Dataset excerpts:
■ ■ ■ ■ ■ ■ ■
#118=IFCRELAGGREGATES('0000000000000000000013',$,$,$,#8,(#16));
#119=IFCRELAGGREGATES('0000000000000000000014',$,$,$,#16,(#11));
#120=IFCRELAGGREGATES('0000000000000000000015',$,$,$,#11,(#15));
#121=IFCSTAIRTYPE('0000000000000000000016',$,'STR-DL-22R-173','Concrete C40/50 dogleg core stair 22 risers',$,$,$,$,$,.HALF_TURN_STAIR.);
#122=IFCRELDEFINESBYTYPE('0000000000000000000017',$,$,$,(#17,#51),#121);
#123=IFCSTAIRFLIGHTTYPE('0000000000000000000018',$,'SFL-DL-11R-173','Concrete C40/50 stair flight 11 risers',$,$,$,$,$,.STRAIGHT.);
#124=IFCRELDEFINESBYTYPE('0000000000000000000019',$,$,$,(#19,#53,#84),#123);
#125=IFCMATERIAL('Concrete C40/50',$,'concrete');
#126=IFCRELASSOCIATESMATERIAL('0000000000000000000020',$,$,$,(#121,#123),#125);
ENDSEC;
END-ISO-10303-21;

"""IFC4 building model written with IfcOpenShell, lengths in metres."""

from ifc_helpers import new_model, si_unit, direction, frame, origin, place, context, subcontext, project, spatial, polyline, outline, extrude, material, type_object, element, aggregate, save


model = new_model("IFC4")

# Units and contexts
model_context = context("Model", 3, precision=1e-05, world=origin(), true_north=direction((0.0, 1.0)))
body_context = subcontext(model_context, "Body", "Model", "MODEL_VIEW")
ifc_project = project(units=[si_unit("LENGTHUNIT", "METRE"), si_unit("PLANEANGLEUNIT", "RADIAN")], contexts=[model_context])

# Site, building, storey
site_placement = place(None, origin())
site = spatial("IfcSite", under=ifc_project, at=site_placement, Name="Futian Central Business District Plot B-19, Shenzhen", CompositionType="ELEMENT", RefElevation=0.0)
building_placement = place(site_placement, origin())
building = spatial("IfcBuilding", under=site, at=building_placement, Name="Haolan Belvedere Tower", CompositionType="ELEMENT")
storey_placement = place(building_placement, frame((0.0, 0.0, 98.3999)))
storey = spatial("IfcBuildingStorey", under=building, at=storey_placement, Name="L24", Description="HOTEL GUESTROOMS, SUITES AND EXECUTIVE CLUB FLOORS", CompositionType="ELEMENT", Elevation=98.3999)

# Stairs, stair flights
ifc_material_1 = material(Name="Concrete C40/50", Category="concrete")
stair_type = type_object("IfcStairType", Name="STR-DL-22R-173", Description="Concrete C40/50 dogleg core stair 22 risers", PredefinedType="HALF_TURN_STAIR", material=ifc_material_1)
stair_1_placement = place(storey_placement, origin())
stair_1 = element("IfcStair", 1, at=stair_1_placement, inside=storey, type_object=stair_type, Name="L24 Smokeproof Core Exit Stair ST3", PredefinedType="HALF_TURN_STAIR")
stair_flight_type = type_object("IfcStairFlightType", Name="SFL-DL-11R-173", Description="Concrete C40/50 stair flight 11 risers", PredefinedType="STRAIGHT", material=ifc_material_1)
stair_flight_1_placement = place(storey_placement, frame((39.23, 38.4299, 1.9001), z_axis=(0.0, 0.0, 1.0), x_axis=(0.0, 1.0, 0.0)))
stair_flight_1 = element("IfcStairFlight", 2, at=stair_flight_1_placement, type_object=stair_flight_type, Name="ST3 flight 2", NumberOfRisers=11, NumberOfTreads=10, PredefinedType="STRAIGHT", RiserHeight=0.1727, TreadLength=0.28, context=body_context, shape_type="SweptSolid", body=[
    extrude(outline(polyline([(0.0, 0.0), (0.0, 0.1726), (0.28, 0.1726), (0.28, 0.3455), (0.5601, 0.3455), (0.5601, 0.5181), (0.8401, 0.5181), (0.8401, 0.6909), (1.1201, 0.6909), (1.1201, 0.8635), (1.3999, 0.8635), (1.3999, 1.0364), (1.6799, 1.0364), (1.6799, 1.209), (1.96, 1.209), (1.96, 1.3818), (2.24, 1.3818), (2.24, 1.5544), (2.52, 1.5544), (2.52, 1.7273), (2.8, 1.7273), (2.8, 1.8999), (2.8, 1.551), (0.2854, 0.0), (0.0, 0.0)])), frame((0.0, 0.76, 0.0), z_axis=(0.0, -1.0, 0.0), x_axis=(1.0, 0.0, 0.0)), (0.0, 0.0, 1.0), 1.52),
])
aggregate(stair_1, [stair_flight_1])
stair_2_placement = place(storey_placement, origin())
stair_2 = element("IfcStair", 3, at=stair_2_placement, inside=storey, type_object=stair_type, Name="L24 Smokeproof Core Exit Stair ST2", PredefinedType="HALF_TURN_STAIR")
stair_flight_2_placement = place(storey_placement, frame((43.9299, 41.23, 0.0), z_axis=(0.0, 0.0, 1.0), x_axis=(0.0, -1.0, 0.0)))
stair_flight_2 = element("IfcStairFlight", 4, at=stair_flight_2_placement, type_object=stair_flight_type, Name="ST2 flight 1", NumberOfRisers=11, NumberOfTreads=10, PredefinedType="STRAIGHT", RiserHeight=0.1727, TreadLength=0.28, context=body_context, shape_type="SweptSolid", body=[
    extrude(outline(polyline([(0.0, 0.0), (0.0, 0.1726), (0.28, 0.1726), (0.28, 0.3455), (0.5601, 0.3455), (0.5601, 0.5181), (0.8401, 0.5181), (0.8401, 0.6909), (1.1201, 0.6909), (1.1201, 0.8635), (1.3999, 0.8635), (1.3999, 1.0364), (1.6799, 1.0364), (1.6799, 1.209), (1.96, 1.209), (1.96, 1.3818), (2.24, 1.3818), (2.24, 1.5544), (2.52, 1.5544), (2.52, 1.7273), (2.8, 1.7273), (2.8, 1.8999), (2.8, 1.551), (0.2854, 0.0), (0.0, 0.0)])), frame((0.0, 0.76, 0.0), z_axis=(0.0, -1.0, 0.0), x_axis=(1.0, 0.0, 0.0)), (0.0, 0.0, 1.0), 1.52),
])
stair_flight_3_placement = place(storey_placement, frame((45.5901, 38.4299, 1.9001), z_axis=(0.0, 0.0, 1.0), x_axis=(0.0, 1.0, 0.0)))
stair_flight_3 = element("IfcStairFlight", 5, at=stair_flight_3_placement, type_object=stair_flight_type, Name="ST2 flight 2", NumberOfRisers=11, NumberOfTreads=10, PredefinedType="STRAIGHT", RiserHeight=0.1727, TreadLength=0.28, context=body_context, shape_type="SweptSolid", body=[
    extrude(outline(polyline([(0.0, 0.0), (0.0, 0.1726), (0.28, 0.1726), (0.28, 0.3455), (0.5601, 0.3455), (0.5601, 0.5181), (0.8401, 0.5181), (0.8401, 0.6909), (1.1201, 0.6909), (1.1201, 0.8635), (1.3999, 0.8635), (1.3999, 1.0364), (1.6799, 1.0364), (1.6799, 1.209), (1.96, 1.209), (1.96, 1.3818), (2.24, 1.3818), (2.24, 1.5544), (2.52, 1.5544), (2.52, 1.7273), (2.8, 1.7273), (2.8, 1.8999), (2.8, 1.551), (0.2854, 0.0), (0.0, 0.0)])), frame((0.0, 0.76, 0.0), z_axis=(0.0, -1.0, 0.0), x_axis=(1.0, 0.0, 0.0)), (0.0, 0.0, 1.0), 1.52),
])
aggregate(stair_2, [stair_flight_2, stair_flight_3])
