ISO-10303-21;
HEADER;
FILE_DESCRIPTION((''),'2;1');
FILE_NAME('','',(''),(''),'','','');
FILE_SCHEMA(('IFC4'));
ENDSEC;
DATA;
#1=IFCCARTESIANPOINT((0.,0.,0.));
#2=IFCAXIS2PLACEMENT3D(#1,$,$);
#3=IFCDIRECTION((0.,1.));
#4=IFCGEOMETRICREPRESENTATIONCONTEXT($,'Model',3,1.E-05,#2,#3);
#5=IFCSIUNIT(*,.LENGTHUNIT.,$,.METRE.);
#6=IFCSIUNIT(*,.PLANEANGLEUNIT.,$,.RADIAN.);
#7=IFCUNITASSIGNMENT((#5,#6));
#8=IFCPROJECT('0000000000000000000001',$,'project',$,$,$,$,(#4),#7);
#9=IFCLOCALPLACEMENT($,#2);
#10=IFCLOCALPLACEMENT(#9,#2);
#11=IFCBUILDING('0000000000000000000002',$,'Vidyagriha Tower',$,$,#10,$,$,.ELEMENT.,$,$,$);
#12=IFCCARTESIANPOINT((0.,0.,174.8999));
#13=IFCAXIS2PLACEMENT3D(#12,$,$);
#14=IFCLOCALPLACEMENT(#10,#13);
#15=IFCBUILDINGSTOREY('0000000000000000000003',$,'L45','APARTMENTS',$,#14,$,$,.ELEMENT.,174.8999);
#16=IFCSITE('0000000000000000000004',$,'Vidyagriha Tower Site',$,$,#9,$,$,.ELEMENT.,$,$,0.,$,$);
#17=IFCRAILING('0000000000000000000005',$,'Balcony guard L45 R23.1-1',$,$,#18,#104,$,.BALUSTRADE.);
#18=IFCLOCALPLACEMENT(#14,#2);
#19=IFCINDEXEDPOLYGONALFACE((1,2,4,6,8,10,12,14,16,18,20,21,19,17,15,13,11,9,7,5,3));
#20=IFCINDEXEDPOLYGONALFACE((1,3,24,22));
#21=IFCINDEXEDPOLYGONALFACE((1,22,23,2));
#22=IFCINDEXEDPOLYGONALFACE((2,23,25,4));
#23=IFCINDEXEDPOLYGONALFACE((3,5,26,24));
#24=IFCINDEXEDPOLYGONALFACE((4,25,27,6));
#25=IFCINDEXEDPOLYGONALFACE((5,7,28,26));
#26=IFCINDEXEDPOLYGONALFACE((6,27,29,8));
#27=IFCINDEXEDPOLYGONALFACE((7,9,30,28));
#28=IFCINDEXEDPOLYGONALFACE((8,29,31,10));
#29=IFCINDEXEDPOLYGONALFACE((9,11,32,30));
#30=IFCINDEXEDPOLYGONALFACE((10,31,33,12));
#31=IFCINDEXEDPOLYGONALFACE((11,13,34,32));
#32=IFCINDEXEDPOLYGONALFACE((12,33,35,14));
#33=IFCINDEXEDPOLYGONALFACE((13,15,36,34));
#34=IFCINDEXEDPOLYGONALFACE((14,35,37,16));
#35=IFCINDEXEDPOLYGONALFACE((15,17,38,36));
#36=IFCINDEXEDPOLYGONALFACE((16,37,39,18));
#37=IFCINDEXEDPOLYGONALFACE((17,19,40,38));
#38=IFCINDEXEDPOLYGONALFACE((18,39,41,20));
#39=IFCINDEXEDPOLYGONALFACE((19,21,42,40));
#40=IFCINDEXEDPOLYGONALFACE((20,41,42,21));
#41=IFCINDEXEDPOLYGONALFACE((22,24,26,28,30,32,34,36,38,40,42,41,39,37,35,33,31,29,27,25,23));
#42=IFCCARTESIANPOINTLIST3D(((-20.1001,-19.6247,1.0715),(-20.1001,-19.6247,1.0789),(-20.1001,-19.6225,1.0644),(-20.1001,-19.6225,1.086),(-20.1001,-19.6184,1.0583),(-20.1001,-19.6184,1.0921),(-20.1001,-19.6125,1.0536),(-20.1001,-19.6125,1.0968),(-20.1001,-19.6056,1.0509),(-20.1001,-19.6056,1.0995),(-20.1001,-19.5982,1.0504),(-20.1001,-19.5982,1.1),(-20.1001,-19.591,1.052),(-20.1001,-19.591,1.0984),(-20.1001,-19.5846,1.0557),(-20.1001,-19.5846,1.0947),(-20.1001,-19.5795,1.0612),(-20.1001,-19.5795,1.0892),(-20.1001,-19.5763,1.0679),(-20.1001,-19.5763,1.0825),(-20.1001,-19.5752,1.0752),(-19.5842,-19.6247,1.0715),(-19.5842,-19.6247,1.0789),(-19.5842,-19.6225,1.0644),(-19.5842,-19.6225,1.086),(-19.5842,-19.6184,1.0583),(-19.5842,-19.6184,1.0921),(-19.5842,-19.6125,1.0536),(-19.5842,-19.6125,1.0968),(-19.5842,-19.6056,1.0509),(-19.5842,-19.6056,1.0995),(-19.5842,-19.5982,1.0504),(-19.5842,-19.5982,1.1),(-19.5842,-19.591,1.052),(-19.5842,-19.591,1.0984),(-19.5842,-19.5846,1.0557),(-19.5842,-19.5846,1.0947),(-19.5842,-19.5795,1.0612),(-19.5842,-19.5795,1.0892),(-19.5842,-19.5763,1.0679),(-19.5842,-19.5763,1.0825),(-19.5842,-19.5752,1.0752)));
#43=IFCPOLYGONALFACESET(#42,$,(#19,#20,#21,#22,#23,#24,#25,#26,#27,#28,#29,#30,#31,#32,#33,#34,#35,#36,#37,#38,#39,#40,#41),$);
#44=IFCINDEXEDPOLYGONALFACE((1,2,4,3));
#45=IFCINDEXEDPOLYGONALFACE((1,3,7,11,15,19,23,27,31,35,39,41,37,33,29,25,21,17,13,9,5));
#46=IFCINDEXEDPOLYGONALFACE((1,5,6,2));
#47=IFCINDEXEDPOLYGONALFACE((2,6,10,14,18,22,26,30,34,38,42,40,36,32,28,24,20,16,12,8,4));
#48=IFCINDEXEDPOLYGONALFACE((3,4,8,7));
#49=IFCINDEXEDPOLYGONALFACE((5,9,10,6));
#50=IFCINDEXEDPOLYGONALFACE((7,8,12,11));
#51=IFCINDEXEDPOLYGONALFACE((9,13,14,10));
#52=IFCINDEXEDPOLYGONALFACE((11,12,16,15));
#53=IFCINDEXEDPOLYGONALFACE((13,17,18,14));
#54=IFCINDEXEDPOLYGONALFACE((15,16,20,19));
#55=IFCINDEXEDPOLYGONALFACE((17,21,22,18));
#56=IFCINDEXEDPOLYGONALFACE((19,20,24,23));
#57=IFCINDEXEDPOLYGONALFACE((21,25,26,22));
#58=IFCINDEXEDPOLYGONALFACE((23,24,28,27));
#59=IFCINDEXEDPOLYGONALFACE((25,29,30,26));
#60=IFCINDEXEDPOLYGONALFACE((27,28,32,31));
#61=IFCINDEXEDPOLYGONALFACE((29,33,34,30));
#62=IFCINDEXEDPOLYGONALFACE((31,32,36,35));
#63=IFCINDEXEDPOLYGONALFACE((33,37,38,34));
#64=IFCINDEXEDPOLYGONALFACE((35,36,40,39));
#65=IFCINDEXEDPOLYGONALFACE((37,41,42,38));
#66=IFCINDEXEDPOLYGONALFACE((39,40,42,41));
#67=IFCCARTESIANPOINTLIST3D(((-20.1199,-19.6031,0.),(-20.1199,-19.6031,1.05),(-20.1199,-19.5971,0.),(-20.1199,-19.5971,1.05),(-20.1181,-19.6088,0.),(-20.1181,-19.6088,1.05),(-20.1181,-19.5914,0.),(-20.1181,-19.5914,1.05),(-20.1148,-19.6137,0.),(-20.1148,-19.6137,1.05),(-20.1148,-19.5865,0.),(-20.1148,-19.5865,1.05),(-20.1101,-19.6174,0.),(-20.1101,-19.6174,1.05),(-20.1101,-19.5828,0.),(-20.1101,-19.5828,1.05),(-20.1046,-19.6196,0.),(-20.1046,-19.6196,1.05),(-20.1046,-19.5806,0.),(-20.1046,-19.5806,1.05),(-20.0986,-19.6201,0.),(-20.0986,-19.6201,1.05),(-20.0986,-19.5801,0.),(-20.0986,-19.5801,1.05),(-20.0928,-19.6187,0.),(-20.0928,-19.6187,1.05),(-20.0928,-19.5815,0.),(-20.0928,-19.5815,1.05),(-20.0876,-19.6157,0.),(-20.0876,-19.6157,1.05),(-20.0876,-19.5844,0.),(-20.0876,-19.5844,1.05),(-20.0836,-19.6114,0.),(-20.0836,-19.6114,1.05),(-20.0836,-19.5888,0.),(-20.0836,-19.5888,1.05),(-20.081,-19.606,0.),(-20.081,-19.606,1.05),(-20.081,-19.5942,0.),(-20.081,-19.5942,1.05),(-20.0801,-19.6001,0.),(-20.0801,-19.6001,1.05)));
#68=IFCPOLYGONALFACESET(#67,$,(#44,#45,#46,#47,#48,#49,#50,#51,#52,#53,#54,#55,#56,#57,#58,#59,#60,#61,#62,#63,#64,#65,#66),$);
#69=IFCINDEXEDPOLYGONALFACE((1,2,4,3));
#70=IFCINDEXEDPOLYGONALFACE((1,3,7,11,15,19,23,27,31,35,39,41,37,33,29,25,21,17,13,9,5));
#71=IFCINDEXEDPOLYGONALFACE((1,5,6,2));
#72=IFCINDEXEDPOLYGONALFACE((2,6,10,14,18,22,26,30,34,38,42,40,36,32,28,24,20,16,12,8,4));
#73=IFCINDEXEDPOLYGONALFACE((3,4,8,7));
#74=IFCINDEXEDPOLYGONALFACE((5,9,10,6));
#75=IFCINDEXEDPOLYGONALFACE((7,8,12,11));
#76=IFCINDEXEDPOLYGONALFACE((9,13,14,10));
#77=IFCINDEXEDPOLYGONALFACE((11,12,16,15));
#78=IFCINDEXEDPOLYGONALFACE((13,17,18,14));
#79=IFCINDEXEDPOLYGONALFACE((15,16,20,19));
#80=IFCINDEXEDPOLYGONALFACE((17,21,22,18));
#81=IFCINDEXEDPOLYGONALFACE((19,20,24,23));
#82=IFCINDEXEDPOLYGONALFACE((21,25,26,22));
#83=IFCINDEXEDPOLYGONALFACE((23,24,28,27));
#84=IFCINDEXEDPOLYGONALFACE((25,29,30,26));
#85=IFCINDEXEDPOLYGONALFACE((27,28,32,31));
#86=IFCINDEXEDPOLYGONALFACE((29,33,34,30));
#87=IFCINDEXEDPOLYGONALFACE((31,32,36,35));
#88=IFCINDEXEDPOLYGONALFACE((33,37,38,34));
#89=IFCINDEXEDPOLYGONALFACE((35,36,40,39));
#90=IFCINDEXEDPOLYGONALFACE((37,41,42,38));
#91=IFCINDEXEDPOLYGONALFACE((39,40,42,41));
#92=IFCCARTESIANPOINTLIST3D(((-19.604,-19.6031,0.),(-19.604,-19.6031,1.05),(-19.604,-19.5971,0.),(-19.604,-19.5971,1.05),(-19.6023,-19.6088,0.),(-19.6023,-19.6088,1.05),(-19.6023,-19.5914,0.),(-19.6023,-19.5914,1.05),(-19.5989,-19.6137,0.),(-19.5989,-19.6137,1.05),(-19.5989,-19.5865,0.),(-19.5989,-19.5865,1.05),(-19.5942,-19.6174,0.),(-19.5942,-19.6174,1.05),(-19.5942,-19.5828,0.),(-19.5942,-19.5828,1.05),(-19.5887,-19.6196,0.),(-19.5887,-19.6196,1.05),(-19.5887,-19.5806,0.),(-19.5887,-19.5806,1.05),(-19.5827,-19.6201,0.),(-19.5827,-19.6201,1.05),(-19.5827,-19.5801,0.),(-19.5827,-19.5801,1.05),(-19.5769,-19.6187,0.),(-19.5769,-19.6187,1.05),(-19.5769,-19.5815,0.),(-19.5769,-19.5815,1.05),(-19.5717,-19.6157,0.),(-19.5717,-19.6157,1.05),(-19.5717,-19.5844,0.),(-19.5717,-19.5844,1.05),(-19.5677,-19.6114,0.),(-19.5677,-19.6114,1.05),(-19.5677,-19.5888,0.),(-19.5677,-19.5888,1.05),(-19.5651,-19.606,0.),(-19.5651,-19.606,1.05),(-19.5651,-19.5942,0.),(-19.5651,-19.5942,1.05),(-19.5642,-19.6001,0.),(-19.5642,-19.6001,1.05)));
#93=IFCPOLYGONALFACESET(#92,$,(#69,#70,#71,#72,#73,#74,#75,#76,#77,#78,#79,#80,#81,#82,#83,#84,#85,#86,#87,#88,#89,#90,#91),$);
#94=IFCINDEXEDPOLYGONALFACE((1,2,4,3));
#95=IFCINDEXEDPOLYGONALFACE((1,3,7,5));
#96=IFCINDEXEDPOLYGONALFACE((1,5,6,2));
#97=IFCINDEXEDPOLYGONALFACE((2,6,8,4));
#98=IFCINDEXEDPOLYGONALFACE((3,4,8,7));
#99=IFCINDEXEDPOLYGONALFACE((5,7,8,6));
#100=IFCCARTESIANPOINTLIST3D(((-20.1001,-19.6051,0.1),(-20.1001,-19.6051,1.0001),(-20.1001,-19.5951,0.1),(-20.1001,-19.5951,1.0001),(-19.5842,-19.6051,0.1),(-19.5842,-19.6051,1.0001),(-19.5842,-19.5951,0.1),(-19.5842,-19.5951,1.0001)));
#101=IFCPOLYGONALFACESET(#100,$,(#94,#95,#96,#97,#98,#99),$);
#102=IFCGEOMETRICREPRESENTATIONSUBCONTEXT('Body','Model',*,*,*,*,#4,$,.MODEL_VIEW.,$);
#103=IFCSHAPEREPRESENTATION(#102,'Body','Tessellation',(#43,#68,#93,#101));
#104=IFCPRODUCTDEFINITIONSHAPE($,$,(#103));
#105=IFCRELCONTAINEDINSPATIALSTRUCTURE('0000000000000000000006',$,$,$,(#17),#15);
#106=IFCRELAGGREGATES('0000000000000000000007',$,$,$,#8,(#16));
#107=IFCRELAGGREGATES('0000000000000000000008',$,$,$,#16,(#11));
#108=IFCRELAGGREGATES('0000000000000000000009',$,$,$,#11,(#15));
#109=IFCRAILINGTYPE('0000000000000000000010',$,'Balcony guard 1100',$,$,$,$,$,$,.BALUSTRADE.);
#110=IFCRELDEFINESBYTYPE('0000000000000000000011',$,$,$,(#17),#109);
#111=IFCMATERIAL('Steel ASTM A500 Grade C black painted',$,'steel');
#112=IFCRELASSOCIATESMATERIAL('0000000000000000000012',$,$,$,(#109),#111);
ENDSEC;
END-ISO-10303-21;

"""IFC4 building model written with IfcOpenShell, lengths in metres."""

from ifc_helpers import new_model, si_unit, direction, frame, origin, origin_2d, place, context, subcontext, project, spatial, rectangle, circle, extrude, material, type_object, element, save


model = new_model("IFC4")

# Units and contexts
model_context = context("Model", 3, precision=1e-05, world=origin(), true_north=direction((0.0, 1.0)))
body_context = subcontext(model_context, "Body", "Model", "MODEL_VIEW")
ifc_project = project(units=[si_unit("LENGTHUNIT", "METRE"), si_unit("PLANEANGLEUNIT", "RADIAN")], contexts=[model_context])

# Site, building, storey
site_placement = place(None, origin())
site = spatial("IfcSite", under=ifc_project, at=site_placement, Name="Vidyagriha Tower Site", CompositionType="ELEMENT", RefElevation=0.0)
building_placement = place(site_placement, origin())
building = spatial("IfcBuilding", under=site, at=building_placement, Name="Vidyagriha Tower", CompositionType="ELEMENT")
storey_placement = place(building_placement, frame((0.0, 0.0, 174.8999)))
storey = spatial("IfcBuildingStorey", under=building, at=storey_placement, Name="L45", Description="APARTMENTS", CompositionType="ELEMENT", Elevation=174.8999)

# Railing
ifc_material_1 = material(Name="Steel ASTM A500 Grade C black painted", Category="steel")
railing_type_1 = type_object("IfcRailingType", Name="Balcony guard 1100", PredefinedType="BALUSTRADE", material=ifc_material_1)
railing_1_placement = place(storey_placement, frame((-20.1001, -19.6001, 0.0)))
element("IfcRailing", 1, at=railing_1_placement, inside=storey, type_object=railing_type_1, Name="Balcony guard L45 R23.1-1", PredefinedType="BALUSTRADE", context=body_context, shape_type="SweptSolid", body=[
    extrude(circle(Radius=0.0249, at=origin_2d()), frame((0.0, 0.0, 1.0752), z_axis=(1.0, 0.0, 0.0), x_axis=(0.0, 1.0, 0.0)), (0.0, 0.0, 1.0), 0.5159),
    extrude(circle(Radius=0.02, at=origin_2d()), origin(), (0.0, 0.0, 1.0), 1.05),
    extrude(circle(Radius=0.02, at=origin_2d()), frame((0.5159, 0.0, 0.0)), (0.0, 0.0, 1.0), 1.05),
    extrude(rectangle(XDim=0.01, YDim=0.9001, at=origin_2d()), frame((0.0, 0.0, 0.55), z_axis=(1.0, 0.0, 0.0), x_axis=(0.0, 1.0, 0.0)), (0.0, 0.0, 1.0), 0.5159),
])

save(model, "model.ifc")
■ ■ ■ ■ ■ ■ ■
§ **YOUR ASSIGNMENT**:
Please transcribe only the lines in the records above running from the line that has "#71=IFCINDEXEDPOLYGONALFACE((1,5,6,2));" through the line that has "#91=IFCINDEXEDPOLYGONALFACE((39,40,42,41));", both included, exactly as they appear.

§ **SOLUTION FOR THIS EXERCISE**:
#71=IFCINDEXEDPOLYGONALFACE((1,5,6,2));
#72=IFCINDEXEDPOLYGONALFACE((2,6,10,14,18,22,26,30,34,38,42,40,36,32,28,24,20,16,12,8,4));
#73=IFCINDEXEDPOLYGONALFACE((3,4,8,7));
#74=IFCINDEXEDPOLYGONALFACE((5,9,10,6));
#75=IFCINDEXEDPOLYGONALFACE((7,8,12,11));
#76=IFCINDEXEDPOLYGONALFACE((9,13,14,10));
#77=IFCINDEXEDPOLYGONALFACE((11,12,16,15));
#78=IFCINDEXEDPOLYGONALFACE((13,17,18,14));
#79=IFCINDEXEDPOLYGONALFACE((15,16,20,19));
#80=IFCINDEXEDPOLYGONALFACE((17,21,22,18));
#81=IFCINDEXEDPOLYGONALFACE((19,20,24,23));
#82=IFCINDEXEDPOLYGONALFACE((21,25,26,22));
#83=IFCINDEXEDPOLYGONALFACE((23,24,28,27));
#84=IFCINDEXEDPOLYGONALFACE((25,29,30,26));
#85=IFCINDEXEDPOLYGONALFACE((27,28,32,31));
#86=IFCINDEXEDPOLYGONALFACE((29,33,34,30));
#87=IFCINDEXEDPOLYGONALFACE((31,32,36,35));
#88=IFCINDEXEDPOLYGONALFACE((33,37,38,34));
#89=IFCINDEXEDPOLYGONALFACE((35,36,40,39));
#90=IFCINDEXEDPOLYGONALFACE((37,41,42,38));
#91=IFCINDEXEDPOLYGONALFACE((39,40,42,41));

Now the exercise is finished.